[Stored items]
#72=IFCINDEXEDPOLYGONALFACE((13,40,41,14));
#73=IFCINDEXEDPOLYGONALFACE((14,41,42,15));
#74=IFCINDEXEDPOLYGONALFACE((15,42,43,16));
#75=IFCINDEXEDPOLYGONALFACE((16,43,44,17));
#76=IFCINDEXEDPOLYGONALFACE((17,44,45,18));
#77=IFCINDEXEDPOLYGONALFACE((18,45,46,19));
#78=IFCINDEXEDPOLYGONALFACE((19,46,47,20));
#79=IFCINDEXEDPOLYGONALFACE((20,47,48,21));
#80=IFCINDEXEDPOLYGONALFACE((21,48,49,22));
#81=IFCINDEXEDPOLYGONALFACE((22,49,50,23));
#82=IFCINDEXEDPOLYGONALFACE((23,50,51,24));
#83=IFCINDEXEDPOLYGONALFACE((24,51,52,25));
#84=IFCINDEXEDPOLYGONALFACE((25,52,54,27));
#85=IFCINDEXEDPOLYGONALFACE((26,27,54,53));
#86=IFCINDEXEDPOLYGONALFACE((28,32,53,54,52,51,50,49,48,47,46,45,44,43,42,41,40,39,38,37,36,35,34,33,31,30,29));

*TASK INSTRUCTIONS:*
Would you retype the records above without changing a word?

*WRITTEN SOLUTION:*
#72=IFCINDEXEDPOLYGONALFACE((13,40,41,14));
#73=IFCINDEXEDPOLYGONALFACE((14,41,42,15));
#74=IFCINDEXEDPOLYGONALFACE((15,42,43,16));
#75=IFCINDEXEDPOLYGONALFACE((16,43,44,17));
#76=IFCINDEXEDPOLYGONALFACE((17,44,45,18));
#77=IFCINDEXEDPOLYGONALFACE((18,45,46,19));
#78=IFCINDEXEDPOLYGONALFACE((19,46,47,20));
#79=IFCINDEXEDPOLYGONALFACE((20,47,48,21));
#80=IFCINDEXEDPOLYGONALFACE((21,48,49,22));
#81=IFCINDEXEDPOLYGONALFACE((22,49,50,23));
#82=IFCINDEXEDPOLYGONALFACE((23,50,51,24));
#83=IFCINDEXEDPOLYGONALFACE((24,51,52,25));
#84=IFCINDEXEDPOLYGONALFACE((25,52,54,27));
#85=IFCINDEXEDPOLYGONALFACE((26,27,54,53));
#86=IFCINDEXEDPOLYGONALFACE((28,32,53,54,52,51,50,49,48,47,46,45,44,43,42,41,40,39,38,37,36,35,34,33,31,30,29));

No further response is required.